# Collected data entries
###

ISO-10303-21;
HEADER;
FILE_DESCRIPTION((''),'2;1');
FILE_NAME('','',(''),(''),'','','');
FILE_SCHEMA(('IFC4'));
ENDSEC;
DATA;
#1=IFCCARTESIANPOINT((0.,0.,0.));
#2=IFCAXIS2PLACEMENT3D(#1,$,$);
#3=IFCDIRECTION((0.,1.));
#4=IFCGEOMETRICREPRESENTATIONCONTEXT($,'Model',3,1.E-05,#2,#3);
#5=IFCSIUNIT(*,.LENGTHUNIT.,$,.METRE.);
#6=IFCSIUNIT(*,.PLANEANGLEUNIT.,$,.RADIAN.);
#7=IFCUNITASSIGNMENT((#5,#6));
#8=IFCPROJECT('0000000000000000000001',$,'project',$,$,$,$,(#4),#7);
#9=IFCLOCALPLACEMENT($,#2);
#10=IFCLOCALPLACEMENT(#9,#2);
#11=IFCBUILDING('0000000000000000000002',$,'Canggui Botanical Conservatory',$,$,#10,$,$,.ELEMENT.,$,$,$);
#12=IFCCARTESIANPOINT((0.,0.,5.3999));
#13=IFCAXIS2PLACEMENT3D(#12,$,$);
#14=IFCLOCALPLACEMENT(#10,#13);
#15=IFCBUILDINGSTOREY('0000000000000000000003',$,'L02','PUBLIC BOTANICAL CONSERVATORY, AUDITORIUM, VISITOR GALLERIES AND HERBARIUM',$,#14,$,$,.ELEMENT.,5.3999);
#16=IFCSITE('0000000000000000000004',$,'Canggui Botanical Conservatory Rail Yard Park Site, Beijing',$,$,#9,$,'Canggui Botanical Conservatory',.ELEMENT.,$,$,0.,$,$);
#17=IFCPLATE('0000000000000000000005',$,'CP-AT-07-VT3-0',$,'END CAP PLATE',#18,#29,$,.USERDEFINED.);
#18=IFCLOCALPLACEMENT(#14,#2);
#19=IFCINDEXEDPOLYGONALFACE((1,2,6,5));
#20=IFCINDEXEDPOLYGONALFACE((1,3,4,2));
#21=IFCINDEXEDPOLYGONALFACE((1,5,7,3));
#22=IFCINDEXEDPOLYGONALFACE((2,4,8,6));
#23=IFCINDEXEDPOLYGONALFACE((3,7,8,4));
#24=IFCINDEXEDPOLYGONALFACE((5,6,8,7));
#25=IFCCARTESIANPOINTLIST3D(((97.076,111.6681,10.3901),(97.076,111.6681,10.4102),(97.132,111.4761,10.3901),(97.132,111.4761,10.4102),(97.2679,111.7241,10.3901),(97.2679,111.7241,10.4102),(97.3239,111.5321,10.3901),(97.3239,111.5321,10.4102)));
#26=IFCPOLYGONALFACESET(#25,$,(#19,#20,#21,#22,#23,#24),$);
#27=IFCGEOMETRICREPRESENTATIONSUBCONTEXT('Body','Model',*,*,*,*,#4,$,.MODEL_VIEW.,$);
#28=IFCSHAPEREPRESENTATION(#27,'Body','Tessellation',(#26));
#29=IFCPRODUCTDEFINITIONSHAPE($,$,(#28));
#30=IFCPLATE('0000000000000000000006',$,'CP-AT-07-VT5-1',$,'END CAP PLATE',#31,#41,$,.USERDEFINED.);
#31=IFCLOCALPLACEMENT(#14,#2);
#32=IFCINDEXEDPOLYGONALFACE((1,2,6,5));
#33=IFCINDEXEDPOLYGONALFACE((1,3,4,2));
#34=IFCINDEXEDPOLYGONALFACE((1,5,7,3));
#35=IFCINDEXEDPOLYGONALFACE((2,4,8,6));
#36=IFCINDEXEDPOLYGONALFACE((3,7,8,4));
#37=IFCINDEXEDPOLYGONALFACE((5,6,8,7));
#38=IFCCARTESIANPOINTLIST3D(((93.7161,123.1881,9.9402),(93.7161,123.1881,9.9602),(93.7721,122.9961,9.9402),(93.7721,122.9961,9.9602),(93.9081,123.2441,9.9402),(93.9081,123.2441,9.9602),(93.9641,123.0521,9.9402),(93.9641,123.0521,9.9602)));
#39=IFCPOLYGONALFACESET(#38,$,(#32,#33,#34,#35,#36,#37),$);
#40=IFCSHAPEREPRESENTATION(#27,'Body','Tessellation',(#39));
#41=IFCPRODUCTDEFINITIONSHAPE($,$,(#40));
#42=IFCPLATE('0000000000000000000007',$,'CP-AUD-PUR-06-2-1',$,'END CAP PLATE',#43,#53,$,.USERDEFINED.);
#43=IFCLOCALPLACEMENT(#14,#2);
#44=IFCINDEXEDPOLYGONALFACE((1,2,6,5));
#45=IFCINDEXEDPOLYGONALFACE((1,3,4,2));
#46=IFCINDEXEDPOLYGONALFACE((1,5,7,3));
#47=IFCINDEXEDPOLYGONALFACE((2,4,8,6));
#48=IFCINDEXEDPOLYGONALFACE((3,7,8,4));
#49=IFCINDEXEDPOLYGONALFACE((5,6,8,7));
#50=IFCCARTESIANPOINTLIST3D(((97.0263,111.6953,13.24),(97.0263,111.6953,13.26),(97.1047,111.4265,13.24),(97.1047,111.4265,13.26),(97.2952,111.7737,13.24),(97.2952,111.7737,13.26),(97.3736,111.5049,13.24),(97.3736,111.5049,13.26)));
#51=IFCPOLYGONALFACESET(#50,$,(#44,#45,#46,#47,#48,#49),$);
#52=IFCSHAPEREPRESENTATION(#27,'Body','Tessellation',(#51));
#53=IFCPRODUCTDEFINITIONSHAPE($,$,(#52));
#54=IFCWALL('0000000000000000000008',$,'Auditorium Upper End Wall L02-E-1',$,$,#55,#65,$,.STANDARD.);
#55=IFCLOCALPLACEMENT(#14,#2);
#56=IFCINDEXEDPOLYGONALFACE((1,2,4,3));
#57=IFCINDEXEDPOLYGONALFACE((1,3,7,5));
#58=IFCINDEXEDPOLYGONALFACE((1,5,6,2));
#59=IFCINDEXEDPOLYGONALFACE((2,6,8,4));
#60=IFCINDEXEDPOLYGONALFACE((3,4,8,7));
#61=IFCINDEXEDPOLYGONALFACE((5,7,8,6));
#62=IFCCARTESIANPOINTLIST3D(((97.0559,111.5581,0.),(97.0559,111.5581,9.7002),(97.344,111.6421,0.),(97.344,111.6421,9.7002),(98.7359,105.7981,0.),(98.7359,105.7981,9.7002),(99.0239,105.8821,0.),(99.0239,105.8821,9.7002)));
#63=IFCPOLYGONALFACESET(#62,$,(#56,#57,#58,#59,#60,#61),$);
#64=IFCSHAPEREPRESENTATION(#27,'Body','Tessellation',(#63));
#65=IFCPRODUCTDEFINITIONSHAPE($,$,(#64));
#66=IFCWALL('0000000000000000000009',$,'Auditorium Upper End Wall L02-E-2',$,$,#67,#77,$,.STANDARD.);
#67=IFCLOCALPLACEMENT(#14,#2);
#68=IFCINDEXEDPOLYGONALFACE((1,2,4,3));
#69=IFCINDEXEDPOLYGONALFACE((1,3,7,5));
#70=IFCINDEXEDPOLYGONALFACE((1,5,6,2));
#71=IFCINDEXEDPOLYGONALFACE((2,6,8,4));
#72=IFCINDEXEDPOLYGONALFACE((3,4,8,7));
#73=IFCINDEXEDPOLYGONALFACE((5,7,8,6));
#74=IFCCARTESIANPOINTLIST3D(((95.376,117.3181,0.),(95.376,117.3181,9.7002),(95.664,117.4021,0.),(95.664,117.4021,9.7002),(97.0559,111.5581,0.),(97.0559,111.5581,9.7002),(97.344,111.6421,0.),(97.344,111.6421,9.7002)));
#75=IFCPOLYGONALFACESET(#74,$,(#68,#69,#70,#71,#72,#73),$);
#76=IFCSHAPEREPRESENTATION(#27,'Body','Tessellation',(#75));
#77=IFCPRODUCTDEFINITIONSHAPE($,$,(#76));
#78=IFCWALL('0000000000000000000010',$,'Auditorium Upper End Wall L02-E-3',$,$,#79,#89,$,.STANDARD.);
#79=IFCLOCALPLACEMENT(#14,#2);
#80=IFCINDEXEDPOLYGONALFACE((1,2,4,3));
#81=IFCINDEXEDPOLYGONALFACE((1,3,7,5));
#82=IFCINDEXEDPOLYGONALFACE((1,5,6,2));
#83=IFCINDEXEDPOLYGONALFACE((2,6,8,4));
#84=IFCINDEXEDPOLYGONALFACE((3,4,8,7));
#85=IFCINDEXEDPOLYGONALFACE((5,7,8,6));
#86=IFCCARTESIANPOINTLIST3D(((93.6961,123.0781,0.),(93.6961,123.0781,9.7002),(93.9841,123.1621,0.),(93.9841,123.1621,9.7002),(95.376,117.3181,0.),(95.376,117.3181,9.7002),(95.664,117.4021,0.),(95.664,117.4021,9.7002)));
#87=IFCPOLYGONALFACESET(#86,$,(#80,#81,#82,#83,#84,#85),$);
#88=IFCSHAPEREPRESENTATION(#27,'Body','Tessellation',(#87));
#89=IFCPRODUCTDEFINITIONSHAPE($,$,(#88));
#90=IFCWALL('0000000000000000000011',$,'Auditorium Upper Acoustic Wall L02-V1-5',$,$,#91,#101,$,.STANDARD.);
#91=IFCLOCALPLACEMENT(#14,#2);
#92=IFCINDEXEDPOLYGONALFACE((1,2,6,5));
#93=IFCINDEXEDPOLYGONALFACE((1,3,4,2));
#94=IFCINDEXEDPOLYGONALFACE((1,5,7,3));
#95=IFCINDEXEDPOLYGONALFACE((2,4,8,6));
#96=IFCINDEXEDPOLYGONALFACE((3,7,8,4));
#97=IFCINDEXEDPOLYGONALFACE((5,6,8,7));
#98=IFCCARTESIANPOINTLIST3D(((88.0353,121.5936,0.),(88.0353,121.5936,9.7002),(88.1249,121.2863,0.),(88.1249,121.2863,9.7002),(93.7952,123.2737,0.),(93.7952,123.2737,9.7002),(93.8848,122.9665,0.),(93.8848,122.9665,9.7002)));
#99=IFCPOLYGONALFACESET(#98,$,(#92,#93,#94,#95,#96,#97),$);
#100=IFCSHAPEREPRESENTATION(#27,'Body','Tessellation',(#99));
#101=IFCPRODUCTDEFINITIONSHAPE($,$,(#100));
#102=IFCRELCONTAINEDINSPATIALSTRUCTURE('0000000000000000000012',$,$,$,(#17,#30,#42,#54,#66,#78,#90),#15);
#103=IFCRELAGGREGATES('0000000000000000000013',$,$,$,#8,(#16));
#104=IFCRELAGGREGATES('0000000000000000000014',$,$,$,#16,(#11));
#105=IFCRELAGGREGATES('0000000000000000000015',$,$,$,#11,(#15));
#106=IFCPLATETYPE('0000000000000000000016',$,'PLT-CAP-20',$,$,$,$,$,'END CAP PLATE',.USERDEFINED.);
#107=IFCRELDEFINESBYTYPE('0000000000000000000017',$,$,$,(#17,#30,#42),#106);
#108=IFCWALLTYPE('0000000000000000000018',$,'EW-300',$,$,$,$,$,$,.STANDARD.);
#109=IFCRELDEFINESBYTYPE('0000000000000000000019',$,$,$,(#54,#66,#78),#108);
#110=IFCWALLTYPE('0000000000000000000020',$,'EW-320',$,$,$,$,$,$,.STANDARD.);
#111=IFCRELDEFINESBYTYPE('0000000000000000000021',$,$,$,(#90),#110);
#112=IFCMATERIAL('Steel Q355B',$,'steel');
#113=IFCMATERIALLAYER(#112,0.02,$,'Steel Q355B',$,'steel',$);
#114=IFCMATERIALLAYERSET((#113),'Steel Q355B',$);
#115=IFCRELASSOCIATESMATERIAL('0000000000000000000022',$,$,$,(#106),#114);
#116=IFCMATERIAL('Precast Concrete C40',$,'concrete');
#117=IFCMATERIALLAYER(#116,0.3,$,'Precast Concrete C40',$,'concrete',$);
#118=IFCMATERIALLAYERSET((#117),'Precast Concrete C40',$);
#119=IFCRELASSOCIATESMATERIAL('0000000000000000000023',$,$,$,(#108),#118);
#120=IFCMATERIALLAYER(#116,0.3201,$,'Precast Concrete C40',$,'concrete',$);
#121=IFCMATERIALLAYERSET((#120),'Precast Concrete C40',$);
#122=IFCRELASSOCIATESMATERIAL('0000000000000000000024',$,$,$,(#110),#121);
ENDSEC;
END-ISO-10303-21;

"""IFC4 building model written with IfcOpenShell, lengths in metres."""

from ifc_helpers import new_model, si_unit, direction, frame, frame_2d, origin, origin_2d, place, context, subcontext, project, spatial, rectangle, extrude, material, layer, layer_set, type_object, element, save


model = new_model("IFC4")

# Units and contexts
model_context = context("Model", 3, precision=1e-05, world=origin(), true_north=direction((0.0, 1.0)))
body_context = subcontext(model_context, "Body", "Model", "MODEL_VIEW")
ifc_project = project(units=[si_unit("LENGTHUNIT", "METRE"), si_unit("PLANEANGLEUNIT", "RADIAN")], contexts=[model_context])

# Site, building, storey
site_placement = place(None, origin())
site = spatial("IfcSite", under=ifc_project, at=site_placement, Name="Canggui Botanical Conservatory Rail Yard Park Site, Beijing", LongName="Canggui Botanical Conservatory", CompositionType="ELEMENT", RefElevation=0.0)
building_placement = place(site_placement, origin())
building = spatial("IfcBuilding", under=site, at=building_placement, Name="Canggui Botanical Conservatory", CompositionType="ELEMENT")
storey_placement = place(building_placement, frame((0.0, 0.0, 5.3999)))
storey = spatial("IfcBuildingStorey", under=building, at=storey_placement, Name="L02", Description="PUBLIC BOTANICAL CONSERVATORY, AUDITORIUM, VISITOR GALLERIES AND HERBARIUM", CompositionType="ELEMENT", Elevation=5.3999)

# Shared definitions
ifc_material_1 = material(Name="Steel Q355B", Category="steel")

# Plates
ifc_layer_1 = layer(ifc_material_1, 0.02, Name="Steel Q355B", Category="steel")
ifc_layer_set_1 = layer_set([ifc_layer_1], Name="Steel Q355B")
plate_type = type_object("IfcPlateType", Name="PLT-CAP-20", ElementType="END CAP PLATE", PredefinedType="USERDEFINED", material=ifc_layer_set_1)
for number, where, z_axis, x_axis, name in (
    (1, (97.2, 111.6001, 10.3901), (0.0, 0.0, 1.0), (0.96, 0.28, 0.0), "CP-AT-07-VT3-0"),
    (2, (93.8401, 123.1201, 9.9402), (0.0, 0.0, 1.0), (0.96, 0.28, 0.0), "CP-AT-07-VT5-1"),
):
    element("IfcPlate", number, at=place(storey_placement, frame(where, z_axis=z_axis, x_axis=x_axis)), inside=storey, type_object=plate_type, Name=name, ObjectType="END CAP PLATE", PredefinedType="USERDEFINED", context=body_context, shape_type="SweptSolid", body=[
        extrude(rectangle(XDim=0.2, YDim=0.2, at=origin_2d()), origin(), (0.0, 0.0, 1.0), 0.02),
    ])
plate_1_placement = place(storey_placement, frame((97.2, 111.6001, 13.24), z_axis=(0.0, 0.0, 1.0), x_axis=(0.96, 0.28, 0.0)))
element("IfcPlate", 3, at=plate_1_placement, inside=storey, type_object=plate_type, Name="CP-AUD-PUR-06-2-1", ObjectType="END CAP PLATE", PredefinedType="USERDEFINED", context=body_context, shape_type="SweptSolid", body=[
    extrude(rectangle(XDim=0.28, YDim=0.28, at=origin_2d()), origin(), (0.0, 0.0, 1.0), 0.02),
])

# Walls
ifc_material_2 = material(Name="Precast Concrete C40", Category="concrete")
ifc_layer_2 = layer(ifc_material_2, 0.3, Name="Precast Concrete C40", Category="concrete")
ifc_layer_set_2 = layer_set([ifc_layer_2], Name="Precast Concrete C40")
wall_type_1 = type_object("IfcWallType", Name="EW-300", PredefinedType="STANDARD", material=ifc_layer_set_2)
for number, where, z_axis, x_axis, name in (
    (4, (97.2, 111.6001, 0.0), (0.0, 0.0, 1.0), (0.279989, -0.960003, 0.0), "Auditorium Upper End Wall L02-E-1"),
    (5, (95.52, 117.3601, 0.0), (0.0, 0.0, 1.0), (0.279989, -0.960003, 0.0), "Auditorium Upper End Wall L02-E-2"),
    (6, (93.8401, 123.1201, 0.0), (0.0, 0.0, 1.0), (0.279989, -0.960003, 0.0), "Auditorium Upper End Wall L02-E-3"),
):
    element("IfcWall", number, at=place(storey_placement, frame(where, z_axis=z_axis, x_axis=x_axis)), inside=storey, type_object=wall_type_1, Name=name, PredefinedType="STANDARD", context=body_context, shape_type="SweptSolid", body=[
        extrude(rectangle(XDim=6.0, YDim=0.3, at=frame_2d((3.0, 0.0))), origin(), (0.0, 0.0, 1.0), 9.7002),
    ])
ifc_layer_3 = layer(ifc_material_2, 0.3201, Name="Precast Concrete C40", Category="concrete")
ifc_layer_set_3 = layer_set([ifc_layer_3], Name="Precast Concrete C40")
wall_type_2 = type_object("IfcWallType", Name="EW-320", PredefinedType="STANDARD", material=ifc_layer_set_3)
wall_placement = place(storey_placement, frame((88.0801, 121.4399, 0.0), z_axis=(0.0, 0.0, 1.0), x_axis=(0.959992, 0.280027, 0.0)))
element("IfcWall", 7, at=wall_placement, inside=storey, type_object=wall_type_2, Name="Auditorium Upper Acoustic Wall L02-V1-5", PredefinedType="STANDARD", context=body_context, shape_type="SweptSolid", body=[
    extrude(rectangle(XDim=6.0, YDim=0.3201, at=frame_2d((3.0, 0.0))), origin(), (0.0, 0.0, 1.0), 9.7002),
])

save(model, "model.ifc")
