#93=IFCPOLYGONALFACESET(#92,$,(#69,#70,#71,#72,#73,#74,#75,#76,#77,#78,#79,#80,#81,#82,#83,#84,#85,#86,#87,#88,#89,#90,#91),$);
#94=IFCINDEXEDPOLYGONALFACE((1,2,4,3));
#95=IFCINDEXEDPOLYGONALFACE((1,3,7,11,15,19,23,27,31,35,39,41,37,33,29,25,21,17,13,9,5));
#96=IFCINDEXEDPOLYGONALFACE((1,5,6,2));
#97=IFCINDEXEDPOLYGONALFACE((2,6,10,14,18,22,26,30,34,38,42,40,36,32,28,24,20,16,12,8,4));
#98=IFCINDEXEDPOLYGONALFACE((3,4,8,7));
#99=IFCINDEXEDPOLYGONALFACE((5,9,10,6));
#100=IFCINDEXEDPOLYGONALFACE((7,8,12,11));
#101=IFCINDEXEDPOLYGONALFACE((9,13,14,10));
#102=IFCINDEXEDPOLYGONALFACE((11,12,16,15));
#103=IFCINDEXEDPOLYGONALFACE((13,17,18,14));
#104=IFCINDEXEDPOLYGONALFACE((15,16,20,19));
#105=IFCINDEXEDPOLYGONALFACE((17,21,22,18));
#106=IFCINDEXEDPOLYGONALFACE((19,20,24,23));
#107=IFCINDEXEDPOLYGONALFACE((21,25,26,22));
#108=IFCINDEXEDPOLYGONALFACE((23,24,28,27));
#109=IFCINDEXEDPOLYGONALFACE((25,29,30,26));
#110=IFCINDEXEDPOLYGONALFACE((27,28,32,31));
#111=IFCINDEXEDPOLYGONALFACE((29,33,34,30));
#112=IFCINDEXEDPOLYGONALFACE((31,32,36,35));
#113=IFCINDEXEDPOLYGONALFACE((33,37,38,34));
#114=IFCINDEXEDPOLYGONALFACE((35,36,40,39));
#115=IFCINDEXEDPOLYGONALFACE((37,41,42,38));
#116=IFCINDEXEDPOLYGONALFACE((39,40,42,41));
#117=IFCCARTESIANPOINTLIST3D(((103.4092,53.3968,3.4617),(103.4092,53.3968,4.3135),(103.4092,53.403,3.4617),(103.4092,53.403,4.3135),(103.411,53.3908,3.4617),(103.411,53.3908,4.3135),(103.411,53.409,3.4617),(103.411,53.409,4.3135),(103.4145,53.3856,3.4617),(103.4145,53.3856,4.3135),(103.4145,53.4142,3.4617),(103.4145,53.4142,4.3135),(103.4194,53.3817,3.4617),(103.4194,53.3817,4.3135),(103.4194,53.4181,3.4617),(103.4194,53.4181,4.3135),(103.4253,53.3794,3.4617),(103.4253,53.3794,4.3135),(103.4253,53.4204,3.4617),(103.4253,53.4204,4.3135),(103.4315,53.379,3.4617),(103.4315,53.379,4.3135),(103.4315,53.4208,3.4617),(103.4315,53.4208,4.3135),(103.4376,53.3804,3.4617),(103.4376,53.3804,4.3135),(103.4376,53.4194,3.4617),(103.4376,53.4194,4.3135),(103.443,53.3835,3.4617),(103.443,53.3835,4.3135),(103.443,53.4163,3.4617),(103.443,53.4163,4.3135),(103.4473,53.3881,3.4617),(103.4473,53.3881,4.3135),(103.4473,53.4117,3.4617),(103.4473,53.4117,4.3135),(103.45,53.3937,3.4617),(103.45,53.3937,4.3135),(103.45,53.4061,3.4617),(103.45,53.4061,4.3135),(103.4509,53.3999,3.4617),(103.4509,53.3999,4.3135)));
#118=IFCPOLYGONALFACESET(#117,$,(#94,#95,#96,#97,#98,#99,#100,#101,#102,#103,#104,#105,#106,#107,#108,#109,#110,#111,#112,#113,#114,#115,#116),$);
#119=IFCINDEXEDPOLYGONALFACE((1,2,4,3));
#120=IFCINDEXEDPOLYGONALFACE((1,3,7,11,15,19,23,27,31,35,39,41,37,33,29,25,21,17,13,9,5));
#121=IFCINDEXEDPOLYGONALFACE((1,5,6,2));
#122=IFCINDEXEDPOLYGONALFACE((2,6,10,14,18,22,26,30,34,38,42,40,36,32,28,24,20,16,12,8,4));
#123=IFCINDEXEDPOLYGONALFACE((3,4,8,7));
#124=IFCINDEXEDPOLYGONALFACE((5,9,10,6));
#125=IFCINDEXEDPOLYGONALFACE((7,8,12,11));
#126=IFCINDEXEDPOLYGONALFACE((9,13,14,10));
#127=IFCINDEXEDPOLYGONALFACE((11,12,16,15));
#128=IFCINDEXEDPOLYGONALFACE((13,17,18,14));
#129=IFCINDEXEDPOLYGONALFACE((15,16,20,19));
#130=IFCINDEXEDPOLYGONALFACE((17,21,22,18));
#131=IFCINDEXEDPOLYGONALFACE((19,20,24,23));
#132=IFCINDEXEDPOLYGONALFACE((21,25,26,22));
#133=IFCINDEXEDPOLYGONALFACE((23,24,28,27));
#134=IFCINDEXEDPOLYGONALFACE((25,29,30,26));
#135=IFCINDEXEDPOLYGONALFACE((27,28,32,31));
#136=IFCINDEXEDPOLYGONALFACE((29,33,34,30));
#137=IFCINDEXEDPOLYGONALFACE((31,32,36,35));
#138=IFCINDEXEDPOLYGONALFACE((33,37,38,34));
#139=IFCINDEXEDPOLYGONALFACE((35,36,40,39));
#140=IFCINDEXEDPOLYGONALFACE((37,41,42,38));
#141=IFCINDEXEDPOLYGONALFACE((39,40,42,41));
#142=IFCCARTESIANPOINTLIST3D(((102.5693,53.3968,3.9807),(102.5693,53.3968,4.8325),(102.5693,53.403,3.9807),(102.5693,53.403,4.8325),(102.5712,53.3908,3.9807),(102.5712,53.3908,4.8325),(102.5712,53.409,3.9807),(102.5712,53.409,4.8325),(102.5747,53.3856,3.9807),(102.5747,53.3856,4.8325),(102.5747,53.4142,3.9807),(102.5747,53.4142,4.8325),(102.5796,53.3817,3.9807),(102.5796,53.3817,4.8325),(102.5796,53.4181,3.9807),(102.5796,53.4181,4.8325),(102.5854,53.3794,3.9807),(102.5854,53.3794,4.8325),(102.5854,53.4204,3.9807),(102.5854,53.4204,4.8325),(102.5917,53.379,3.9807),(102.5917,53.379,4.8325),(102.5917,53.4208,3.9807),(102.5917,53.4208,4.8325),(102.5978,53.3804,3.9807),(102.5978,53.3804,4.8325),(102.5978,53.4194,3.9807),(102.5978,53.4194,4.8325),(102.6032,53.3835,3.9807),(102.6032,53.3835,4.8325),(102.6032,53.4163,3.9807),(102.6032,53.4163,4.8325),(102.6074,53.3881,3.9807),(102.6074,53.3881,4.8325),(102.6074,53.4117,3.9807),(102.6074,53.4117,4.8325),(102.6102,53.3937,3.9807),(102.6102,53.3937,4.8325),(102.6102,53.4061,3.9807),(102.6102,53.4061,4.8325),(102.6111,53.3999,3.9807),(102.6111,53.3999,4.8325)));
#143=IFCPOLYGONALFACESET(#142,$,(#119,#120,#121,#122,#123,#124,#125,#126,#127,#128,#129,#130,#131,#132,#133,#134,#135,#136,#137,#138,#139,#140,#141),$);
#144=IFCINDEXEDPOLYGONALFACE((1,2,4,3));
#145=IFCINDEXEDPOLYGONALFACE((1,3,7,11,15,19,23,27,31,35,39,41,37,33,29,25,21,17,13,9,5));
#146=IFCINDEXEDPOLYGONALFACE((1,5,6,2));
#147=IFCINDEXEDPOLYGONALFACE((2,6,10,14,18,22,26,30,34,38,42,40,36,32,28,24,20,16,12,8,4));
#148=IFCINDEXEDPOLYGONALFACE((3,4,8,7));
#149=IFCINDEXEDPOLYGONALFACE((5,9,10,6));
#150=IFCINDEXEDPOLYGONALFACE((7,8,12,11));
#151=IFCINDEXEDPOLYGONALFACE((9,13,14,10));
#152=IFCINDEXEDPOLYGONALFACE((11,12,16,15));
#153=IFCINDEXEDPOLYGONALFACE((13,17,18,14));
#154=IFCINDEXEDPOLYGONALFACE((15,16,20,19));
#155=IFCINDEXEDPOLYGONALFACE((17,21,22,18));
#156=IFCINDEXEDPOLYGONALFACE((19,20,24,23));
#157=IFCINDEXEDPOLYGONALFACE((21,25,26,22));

###

# ASSIGNMENT
The answer is the run of lines above from the line containing "#10=IFCLOCALPLACEMENT(#9,#2);" through the line containing "#24=IFCINDEXEDPOLYGONALFACE((5,6,8,7));", copied exactly and alone.

# ANSWER BOX
#10=IFCLOCALPLACEMENT(#9,#2);
#11=IFCBUILDING('0000000000000000000002',$,'Canggui Botanical Conservatory',$,$,#10,$,$,.ELEMENT.,$,$,$);
#12=IFCCARTESIANPOINT((0.,0.,5.3999));
#13=IFCAXIS2PLACEMENT3D(#12,$,$);
#14=IFCLOCALPLACEMENT(#10,#13);
#15=IFCBUILDINGSTOREY('0000000000000000000003',$,'L02','PUBLIC BOTANICAL CONSERVATORY, AUDITORIUM, VISITOR GALLERIES AND HERBARIUM',$,#14,$,$,.ELEMENT.,5.3999);
#16=IFCSITE('0000000000000000000004',$,'Canggui Botanical Conservatory Rail Yard Park Site, Beijing',$,$,#9,$,'Canggui Botanical Conservatory',.ELEMENT.,$,$,0.,$,$);
#17=IFCPLATE('0000000000000000000005',$,'CP-AT-07-VT3-0',$,'END CAP PLATE',#18,#29,$,.USERDEFINED.);
#18=IFCLOCALPLACEMENT(#14,#2);
#19=IFCINDEXEDPOLYGONALFACE((1,2,6,5));
#20=IFCINDEXEDPOLYGONALFACE((1,3,4,2));
#21=IFCINDEXEDPOLYGONALFACE((1,5,7,3));
#22=IFCINDEXEDPOLYGONALFACE((2,4,8,6));
#23=IFCINDEXEDPOLYGONALFACE((3,7,8,4));
#24=IFCINDEXEDPOLYGONALFACE((5,6,8,7));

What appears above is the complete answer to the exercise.